*TASK INSTRUCTIONS*: For this listing, the lines between the one holding "#62=IFCINDEXEDPOLYGONALFACE((15,16,20,19));" and the one holding "#82=IFCINDEXEDPOLYGONALFACE((55,56,60,59));", inclusive, must be set down exactly.

*** DATASET RECORDS ***

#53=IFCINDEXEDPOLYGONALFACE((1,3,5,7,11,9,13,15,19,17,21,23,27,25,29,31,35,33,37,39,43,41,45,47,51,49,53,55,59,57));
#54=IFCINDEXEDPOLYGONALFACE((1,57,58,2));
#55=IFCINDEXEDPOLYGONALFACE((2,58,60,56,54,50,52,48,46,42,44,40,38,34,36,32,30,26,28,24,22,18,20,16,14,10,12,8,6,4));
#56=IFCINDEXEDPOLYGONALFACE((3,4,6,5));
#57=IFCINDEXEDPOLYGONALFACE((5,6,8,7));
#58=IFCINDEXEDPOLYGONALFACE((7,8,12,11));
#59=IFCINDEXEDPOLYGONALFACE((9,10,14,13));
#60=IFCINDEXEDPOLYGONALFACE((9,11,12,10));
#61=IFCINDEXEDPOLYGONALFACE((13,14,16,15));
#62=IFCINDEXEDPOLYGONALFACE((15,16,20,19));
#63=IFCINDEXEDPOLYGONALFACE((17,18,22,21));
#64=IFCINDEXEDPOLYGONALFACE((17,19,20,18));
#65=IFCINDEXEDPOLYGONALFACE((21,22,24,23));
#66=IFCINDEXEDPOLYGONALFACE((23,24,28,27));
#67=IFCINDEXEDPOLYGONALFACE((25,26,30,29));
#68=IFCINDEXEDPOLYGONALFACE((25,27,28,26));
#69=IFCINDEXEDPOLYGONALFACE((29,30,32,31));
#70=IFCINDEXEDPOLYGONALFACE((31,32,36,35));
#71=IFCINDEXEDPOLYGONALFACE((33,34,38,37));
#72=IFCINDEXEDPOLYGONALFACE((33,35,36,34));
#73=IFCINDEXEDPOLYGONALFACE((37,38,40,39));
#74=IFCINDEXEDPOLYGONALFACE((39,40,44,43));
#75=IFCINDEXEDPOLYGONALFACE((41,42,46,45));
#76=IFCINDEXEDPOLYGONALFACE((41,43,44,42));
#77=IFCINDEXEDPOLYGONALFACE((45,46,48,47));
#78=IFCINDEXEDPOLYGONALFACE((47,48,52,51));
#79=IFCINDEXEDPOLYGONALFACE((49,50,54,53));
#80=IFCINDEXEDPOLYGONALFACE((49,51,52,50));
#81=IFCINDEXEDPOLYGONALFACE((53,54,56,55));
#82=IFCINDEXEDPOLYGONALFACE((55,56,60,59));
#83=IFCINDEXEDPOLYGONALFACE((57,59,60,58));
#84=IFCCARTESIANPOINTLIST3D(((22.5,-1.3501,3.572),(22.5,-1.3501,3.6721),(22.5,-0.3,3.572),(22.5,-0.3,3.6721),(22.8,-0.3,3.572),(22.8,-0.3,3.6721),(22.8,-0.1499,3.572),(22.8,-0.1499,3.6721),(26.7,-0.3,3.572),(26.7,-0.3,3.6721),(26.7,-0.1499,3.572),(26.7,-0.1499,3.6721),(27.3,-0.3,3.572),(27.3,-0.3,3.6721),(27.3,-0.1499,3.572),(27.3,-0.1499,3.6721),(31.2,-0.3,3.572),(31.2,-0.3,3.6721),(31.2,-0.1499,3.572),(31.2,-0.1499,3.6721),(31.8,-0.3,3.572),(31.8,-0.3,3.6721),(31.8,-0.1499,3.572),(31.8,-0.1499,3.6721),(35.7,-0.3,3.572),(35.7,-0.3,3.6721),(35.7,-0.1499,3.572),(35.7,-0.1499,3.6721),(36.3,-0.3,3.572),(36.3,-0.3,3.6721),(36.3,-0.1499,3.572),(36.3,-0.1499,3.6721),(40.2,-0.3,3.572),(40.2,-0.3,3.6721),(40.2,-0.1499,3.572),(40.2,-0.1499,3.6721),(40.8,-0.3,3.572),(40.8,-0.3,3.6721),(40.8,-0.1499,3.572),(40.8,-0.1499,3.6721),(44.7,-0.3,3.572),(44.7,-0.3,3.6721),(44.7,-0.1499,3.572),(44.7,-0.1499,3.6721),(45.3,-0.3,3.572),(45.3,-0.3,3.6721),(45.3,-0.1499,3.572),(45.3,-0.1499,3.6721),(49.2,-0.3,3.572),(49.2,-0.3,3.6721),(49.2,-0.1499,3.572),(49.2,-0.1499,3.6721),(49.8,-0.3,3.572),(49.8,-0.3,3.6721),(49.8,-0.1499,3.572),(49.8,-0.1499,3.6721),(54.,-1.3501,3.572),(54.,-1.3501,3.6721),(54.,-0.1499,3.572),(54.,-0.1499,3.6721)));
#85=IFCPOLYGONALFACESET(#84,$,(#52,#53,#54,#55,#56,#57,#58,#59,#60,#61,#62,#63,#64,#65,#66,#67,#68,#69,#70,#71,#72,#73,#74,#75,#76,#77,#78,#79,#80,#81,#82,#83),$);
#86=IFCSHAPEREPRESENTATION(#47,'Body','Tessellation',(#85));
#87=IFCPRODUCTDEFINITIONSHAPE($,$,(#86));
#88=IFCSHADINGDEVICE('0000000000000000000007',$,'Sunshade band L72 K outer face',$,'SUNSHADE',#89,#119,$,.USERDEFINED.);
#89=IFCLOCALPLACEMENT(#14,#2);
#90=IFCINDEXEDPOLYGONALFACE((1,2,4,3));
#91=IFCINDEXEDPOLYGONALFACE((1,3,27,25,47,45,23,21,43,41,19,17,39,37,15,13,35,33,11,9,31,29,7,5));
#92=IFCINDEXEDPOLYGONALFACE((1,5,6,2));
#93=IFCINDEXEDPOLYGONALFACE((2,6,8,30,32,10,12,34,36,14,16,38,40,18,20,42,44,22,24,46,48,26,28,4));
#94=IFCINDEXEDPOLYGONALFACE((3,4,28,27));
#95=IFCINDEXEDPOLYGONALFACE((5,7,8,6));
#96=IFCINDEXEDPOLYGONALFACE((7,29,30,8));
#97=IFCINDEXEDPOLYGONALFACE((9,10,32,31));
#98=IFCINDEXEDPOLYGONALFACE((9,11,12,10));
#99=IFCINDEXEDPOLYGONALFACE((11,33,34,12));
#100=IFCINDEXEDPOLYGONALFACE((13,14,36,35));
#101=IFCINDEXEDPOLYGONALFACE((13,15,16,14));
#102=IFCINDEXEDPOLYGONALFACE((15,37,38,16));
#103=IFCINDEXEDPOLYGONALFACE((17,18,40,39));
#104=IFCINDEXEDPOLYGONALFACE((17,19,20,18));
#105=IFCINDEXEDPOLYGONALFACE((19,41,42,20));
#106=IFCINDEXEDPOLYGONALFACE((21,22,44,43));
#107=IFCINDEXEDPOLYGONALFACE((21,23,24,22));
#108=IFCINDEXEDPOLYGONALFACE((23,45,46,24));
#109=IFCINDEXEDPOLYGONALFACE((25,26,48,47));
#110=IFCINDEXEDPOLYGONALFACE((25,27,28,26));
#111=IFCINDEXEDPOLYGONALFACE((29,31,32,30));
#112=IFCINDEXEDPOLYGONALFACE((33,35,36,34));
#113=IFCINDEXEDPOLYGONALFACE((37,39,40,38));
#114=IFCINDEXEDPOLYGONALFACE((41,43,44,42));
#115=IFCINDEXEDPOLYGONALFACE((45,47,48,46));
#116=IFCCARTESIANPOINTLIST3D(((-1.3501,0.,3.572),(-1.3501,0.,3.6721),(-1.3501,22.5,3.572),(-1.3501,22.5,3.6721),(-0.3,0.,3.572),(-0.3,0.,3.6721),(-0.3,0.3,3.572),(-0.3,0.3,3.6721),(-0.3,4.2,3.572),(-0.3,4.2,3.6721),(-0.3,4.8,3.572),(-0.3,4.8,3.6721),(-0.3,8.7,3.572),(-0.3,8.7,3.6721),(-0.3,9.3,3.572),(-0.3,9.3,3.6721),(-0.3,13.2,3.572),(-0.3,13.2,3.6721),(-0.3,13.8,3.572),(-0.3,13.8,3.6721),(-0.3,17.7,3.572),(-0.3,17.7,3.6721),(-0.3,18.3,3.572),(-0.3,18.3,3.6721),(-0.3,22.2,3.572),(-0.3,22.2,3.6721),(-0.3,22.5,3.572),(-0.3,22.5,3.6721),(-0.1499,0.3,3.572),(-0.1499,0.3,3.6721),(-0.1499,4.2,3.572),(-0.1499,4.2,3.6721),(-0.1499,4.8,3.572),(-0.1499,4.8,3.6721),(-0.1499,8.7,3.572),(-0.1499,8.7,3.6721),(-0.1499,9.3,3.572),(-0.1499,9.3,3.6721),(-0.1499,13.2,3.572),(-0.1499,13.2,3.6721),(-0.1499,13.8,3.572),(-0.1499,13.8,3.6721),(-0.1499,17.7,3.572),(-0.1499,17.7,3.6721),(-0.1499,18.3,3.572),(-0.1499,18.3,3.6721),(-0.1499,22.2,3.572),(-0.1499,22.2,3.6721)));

*** End of DATASET RECORDS ***

*EXERCISE SOLUTION*:
#62=IFCINDEXEDPOLYGONALFACE((15,16,20,19));
#63=IFCINDEXEDPOLYGONALFACE((17,18,22,21));
#64=IFCINDEXEDPOLYGONALFACE((17,19,20,18));
#65=IFCINDEXEDPOLYGONALFACE((21,22,24,23));
#66=IFCINDEXEDPOLYGONALFACE((23,24,28,27));
#67=IFCINDEXEDPOLYGONALFACE((25,26,30,29));
#68=IFCINDEXEDPOLYGONALFACE((25,27,28,26));
#69=IFCINDEXEDPOLYGONALFACE((29,30,32,31));
#70=IFCINDEXEDPOLYGONALFACE((31,32,36,35));
#71=IFCINDEXEDPOLYGONALFACE((33,34,38,37));
#72=IFCINDEXEDPOLYGONALFACE((33,35,36,34));
#73=IFCINDEXEDPOLYGONALFACE((37,38,40,39));
#74=IFCINDEXEDPOLYGONALFACE((39,40,44,43));
#75=IFCINDEXEDPOLYGONALFACE((41,42,46,45));
#76=IFCINDEXEDPOLYGONALFACE((41,43,44,42));
#77=IFCINDEXEDPOLYGONALFACE((45,46,48,47));
#78=IFCINDEXEDPOLYGONALFACE((47,48,52,51));
#79=IFCINDEXEDPOLYGONALFACE((49,50,54,53));
#80=IFCINDEXEDPOLYGONALFACE((49,51,52,50));
#81=IFCINDEXEDPOLYGONALFACE((53,54,56,55));
#82=IFCINDEXEDPOLYGONALFACE((55,56,60,59));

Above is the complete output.